▶ **What is required**: Copy out each line below containing "IFCRELAGGREGATES".

▶ **Listed entries**:
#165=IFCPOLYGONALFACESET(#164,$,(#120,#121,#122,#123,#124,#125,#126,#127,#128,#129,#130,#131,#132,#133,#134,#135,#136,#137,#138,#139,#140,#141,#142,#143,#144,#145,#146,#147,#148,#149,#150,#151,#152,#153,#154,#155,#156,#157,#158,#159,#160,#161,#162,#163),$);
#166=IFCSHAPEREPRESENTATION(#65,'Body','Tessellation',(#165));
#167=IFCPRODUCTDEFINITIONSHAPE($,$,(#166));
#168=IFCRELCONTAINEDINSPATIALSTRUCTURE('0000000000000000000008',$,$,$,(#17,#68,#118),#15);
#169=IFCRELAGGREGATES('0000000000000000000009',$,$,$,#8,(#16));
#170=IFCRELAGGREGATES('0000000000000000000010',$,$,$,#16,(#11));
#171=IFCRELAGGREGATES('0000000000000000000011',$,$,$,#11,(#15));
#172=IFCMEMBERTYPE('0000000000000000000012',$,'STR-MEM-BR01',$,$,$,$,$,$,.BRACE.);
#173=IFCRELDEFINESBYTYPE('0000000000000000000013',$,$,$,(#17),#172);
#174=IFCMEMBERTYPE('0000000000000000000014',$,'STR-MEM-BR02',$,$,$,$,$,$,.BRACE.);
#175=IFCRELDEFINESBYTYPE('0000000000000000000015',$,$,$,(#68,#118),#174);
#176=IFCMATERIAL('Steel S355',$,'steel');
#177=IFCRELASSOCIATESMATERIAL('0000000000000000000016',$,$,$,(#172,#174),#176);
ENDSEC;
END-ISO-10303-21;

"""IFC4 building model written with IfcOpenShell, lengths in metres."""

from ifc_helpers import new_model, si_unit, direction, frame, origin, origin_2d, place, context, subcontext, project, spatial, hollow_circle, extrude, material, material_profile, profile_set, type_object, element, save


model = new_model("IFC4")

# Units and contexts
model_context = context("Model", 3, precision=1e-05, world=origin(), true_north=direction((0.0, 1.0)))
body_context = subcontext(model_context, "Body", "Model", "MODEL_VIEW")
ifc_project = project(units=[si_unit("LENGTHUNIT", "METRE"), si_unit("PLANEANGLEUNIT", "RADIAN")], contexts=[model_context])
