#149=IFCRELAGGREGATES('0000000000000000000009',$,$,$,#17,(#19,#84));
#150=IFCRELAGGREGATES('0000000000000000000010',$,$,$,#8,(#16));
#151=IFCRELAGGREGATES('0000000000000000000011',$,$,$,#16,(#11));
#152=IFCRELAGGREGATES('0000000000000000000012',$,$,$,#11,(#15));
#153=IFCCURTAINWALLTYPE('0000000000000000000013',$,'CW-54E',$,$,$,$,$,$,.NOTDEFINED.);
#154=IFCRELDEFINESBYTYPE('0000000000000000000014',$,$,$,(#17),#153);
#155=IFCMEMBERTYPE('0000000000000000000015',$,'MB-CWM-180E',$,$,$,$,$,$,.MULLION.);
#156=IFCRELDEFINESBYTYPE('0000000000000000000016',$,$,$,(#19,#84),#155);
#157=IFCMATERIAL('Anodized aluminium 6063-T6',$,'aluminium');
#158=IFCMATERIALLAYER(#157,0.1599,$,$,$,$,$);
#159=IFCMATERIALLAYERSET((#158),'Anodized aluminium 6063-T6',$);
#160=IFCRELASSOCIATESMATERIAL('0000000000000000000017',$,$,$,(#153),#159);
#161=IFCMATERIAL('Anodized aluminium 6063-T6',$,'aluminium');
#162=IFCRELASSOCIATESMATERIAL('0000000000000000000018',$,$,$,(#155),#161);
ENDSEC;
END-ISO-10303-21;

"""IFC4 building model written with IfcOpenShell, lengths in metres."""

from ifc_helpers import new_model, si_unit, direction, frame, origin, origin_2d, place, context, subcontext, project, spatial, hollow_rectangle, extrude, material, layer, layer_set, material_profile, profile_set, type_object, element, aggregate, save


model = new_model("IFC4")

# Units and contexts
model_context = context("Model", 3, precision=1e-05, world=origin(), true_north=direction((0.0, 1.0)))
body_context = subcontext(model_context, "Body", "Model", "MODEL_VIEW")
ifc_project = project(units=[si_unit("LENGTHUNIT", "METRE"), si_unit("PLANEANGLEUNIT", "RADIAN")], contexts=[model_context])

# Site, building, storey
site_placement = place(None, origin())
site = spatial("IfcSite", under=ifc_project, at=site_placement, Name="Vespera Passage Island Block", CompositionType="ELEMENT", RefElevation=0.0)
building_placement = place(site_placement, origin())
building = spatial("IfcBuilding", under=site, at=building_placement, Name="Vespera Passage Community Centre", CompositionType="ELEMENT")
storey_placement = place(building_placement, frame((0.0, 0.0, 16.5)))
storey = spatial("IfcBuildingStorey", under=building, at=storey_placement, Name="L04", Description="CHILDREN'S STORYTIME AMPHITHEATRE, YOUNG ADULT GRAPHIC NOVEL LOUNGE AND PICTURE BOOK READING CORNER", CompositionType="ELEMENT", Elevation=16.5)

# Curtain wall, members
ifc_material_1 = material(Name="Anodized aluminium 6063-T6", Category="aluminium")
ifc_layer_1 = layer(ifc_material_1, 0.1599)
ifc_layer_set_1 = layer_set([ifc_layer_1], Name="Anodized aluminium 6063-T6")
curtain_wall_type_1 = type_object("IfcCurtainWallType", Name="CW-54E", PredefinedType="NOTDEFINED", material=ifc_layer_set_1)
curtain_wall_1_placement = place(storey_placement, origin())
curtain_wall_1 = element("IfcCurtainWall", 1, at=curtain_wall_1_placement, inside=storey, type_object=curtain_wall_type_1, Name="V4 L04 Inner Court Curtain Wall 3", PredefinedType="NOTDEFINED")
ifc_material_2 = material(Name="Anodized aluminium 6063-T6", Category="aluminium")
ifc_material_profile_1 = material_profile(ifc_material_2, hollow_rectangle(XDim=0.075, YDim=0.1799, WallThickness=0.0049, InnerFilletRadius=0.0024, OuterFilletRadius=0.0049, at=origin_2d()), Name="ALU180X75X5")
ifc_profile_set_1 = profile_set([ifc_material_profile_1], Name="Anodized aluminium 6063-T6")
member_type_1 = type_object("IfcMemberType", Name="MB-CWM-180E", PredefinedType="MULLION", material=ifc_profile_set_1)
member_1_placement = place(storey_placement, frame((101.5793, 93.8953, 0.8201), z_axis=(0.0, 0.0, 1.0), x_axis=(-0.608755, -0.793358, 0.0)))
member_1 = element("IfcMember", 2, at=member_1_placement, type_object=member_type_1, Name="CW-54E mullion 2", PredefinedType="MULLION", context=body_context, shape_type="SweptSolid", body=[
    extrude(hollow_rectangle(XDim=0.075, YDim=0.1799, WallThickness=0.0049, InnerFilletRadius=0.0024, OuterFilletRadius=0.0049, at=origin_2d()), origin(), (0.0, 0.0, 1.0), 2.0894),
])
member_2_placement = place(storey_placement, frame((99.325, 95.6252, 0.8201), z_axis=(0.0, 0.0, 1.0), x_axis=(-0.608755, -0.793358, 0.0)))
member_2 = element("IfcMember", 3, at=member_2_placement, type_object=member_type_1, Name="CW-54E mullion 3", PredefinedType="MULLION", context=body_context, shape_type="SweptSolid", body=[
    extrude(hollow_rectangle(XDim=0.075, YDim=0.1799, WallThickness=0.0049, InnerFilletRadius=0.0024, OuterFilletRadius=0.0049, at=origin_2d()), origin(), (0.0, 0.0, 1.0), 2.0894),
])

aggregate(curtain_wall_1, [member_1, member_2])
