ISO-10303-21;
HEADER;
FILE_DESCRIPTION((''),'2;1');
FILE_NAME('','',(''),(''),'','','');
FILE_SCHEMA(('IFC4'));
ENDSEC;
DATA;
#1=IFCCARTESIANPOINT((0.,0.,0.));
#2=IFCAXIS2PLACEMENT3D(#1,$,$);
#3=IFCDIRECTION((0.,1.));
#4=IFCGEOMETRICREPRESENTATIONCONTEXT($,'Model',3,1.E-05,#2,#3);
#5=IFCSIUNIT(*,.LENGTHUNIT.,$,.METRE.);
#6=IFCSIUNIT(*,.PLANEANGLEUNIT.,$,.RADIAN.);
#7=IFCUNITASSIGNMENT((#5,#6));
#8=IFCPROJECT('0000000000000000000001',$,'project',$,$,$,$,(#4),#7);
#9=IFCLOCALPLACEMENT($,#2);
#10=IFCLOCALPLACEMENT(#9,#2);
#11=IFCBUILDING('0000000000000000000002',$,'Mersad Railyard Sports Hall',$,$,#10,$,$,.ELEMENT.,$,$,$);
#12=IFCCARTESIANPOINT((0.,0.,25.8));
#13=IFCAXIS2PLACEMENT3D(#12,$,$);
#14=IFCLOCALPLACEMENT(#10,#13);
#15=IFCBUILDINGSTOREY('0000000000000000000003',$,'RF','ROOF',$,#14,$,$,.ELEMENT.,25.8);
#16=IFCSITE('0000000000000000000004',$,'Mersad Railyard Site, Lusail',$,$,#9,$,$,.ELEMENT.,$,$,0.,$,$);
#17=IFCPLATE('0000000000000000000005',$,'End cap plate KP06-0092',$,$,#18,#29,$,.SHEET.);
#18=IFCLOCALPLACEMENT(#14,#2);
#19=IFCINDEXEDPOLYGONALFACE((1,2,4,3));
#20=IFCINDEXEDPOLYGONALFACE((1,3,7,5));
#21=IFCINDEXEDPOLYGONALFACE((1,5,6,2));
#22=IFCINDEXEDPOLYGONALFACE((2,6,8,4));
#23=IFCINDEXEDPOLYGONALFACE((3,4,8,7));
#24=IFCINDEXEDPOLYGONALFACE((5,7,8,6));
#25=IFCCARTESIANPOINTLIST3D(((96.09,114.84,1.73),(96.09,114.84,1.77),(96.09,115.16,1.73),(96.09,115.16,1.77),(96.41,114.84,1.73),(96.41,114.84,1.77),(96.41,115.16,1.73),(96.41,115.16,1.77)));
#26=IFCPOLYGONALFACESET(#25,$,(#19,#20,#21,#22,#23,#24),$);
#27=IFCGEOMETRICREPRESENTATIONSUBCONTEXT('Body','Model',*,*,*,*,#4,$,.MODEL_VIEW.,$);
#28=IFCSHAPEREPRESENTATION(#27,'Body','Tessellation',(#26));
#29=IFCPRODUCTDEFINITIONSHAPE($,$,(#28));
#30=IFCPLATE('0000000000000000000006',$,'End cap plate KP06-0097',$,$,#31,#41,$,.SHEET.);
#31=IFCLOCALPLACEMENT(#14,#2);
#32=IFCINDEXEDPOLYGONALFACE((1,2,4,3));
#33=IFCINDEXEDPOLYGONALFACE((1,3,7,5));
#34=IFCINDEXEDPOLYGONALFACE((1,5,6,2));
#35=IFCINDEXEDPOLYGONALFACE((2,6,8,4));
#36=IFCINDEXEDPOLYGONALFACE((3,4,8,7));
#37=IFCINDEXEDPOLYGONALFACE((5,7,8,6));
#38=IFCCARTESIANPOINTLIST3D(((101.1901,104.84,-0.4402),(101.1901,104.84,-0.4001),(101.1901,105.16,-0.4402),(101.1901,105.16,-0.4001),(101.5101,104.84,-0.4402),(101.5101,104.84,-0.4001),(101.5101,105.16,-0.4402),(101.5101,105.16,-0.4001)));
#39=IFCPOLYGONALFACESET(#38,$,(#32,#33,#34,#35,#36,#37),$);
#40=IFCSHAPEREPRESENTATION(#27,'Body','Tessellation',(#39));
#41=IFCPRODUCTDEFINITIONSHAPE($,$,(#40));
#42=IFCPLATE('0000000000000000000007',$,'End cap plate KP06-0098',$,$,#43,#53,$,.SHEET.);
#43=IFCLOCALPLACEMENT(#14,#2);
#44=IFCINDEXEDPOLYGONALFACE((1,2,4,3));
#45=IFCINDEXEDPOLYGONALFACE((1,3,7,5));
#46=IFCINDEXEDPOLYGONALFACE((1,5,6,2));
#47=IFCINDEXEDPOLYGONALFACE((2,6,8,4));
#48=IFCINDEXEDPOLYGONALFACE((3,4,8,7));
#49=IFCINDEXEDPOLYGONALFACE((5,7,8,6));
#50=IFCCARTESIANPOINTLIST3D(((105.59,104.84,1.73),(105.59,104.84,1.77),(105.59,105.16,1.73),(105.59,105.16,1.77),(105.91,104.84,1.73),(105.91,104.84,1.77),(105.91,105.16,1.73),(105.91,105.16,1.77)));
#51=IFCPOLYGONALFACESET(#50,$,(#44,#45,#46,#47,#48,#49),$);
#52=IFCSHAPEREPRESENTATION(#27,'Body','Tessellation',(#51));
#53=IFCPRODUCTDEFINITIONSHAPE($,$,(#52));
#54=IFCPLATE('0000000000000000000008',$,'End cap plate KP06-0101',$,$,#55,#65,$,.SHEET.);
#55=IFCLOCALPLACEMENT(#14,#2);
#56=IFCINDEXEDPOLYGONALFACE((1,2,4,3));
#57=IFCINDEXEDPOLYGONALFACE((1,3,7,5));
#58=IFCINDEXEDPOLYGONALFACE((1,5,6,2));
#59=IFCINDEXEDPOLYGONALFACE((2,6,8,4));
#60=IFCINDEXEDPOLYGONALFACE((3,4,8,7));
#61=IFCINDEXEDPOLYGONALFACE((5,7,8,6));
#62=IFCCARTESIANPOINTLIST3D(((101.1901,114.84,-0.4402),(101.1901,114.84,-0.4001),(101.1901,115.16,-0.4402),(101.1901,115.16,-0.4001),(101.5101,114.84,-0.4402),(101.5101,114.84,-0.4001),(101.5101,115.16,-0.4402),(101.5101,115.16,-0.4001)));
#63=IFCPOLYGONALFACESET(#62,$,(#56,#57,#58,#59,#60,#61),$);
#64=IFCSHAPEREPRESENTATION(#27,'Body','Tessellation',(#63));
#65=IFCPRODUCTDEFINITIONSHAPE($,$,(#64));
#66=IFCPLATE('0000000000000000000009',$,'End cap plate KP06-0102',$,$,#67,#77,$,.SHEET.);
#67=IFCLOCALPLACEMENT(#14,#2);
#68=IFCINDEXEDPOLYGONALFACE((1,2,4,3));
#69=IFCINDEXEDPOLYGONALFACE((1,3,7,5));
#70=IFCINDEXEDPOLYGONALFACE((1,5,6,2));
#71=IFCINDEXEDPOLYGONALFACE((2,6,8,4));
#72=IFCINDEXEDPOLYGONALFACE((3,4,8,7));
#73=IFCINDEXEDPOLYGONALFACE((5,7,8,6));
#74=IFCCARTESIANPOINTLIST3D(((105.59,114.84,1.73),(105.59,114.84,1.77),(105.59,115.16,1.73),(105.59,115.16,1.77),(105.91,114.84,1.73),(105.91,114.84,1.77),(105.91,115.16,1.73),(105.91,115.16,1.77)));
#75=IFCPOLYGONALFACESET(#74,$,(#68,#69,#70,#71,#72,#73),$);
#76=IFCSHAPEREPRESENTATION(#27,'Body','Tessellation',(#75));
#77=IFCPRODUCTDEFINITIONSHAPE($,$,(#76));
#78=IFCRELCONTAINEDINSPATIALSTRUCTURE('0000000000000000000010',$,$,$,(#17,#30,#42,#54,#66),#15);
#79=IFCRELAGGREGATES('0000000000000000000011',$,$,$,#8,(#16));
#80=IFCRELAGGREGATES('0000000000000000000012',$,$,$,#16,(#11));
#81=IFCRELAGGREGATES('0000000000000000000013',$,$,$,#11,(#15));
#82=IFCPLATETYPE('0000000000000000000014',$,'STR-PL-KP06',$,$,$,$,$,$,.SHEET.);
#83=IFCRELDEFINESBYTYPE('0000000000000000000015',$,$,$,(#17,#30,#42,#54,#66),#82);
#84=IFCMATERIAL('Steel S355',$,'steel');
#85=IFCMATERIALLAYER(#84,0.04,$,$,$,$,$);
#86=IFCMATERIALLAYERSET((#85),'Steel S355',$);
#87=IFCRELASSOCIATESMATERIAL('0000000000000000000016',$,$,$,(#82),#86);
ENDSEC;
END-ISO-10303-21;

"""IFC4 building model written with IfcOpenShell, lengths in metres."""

from ifc_helpers import new_model, si_unit, direction, frame, origin, origin_2d, place, context, subcontext, project, spatial, rectangle, extrude, material, layer, layer_set, type_object, element, save


model = new_model("IFC4")

# Units and contexts
model_context = context("Model", 3, precision=1e-05, world=origin(), true_north=direction((0.0, 1.0)))
body_context = subcontext(model_context, "Body", "Model", "MODEL_VIEW")
ifc_project = project(units=[si_unit("LENGTHUNIT", "METRE"), si_unit("PLANEANGLEUNIT", "RADIAN")], contexts=[model_context])

# Site, building, storey
site_placement = place(None, origin())
site = spatial("IfcSite", under=ifc_project, at=site_placement, Name="Mersad Railyard Site, Lusail", CompositionType="ELEMENT", RefElevation=0.0)
building_placement = place(site_placement, origin())
building = spatial("IfcBuilding", under=site, at=building_placement, Name="Mersad Railyard Sports Hall", CompositionType="ELEMENT")
storey_placement = place(building_placement, frame((0.0, 0.0, 25.8)))
storey = spatial("IfcBuildingStorey", under=building, at=storey_placement, Name="RF", Description="ROOF", CompositionType="ELEMENT", Elevation=25.8)

# Shared definitions
ifc_material_1 = material(Name="Steel S355", Category="steel")

# Plates
ifc_layer_1 = layer(ifc_material_1, 0.04)
ifc_layer_set_1 = layer_set([ifc_layer_1], Name="Steel S355")
plate_type_1 = type_object("IfcPlateType", Name="STR-PL-KP06", PredefinedType="SHEET", material=ifc_layer_set_1)
for number, where, z_axis, x_axis, name in (
    (1, (96.25, 115.0, 1.73), (0.0, 0.0, 1.0), (1.0, 0.0, 0.0), "End cap plate KP06-0092"),
    (2, (101.3501, 105.0, -0.4402), (0.0, 0.0, 1.0), (1.0, 0.0, 0.0), "End cap plate KP06-0097"),
    (3, (105.75, 105.0, 1.73), (0.0, 0.0, 1.0), (1.0, 0.0, 0.0), "End cap plate KP06-0098"),
    (4, (101.3501, 115.0, -0.4402), (0.0, 0.0, 1.0), (1.0, 0.0, 0.0), "End cap plate KP06-0101"),
    (5, (105.75, 115.0, 1.73), (0.0, 0.0, 1.0), (1.0, 0.0, 0.0), "End cap plate KP06-0102"),
):
    element("IfcPlate", number, at=place(storey_placement, frame(where, z_axis=z_axis, x_axis=x_axis)), inside=storey, type_object=plate_type_1, Name=name, PredefinedType="SHEET", context=body_context, shape_type="SweptSolid", body=[
        extrude(rectangle(XDim=0.3201, YDim=0.3201, at=origin_2d()), origin(), (0.0, 0.0, 1.0), 0.04),
    ])

save(model, "model.ifc")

▶ **Answer area**:
#169=IFCRELAGGREGATES('0000000000000000000009',$,$,$,#8,(#16));
#170=IFCRELAGGREGATES('0000000000000000000010',$,$,$,#16,(#11));
#171=IFCRELAGGREGATES('0000000000000000000011',$,$,$,#11,(#15));
#149=IFCRELAGGREGATES('0000000000000000000009',$,$,$,#17,(#19,#84));
#150=IFCRELAGGREGATES('0000000000000000000010',$,$,$,#8,(#16));
#151=IFCRELAGGREGATES('0000000000000000000011',$,$,$,#16,(#11));
#152=IFCRELAGGREGATES('0000000000000000000012',$,$,$,#11,(#15));
#79=IFCRELAGGREGATES('0000000000000000000011',$,$,$,#8,(#16));
#80=IFCRELAGGREGATES('0000000000000000000012',$,$,$,#16,(#11));
#81=IFCRELAGGREGATES('0000000000000000000013',$,$,$,#11,(#15));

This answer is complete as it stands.